### Collected data entries
·····
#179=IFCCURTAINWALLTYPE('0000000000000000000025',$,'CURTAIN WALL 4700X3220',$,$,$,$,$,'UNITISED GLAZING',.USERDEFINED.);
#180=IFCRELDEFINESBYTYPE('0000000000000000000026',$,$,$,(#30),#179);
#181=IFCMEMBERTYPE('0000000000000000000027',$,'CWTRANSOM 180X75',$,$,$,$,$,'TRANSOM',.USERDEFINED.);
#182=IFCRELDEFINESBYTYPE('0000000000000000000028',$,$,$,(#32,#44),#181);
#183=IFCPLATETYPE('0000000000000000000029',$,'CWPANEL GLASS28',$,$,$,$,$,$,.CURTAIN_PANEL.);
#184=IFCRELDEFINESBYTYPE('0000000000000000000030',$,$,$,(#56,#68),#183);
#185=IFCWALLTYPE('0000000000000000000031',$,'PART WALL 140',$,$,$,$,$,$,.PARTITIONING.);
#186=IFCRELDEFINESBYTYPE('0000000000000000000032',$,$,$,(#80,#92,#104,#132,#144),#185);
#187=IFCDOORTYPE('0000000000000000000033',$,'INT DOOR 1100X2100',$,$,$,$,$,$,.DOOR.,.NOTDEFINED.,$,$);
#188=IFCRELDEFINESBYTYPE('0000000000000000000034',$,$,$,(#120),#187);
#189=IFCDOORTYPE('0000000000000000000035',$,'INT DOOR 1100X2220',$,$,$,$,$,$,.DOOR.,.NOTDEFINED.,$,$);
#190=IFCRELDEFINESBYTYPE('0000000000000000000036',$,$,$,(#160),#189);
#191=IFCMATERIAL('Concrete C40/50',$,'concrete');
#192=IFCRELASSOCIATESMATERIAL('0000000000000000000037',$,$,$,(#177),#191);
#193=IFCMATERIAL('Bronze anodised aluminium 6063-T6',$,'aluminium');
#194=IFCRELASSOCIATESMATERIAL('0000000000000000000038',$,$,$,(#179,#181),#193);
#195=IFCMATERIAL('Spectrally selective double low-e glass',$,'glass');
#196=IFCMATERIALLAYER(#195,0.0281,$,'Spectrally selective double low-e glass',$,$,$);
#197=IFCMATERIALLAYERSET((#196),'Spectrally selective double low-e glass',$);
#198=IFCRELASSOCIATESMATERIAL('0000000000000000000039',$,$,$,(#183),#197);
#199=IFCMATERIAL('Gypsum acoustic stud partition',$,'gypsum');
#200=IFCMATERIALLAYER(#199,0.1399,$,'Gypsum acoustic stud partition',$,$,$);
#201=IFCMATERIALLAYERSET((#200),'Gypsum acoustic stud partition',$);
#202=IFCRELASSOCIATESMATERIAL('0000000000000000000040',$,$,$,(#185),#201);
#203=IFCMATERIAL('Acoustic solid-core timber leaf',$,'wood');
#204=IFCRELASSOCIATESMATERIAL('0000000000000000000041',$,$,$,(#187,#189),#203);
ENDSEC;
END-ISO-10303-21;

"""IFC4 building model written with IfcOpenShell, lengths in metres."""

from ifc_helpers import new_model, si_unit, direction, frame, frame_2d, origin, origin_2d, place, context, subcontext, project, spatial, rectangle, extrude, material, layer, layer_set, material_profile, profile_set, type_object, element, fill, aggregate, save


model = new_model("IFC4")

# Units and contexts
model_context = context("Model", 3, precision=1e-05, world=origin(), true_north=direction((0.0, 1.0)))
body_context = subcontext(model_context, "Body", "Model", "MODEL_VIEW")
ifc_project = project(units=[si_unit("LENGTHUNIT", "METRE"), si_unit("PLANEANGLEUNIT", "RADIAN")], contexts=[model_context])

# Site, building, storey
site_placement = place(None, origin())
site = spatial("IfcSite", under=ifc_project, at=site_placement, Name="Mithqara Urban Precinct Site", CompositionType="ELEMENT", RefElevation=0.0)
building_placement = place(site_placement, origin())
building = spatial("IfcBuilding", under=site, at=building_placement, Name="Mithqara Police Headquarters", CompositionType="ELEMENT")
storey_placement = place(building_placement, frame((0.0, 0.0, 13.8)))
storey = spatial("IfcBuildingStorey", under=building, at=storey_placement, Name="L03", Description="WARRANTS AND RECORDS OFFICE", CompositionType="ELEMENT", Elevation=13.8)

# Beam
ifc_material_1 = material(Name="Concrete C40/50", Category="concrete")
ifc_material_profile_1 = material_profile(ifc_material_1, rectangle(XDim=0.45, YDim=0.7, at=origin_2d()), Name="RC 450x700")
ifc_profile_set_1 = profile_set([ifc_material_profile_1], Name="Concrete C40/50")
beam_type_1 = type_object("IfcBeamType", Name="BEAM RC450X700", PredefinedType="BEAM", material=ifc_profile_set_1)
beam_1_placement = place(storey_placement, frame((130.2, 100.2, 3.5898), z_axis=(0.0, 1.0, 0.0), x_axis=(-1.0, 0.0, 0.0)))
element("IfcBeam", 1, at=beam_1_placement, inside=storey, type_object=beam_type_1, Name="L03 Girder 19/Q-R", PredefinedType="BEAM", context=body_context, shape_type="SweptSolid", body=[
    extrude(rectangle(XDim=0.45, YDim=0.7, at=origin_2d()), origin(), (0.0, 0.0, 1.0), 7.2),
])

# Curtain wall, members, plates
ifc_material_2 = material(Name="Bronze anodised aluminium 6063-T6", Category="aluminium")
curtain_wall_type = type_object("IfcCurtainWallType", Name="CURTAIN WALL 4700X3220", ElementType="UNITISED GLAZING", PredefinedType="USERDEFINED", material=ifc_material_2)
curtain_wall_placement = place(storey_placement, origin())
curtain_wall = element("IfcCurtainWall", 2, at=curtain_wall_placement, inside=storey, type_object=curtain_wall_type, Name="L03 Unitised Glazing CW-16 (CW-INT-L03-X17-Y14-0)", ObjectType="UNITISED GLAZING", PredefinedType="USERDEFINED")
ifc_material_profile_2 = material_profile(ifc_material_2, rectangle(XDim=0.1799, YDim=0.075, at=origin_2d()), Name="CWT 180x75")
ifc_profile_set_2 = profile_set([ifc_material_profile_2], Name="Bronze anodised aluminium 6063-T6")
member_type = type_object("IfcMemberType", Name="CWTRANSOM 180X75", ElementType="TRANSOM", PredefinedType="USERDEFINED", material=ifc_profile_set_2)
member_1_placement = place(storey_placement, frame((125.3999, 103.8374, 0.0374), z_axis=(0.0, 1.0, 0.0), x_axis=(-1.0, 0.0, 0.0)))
·····
### Your instructions
Look above for the line holding "#203=IFCMATERIAL('Acoustic solid-core timber" and the line holding "building model written". Retype both, and every line between them, word for word and nothing else.

### Exercise result
#203=IFCMATERIAL('Acoustic solid-core timber leaf',$,'wood');
#204=IFCRELASSOCIATESMATERIAL('0000000000000000000041',$,$,$,(#187,#189),#203);
ENDSEC;
END-ISO-10303-21;

"""IFC4 building model written with IfcOpenShell, lengths in metres."""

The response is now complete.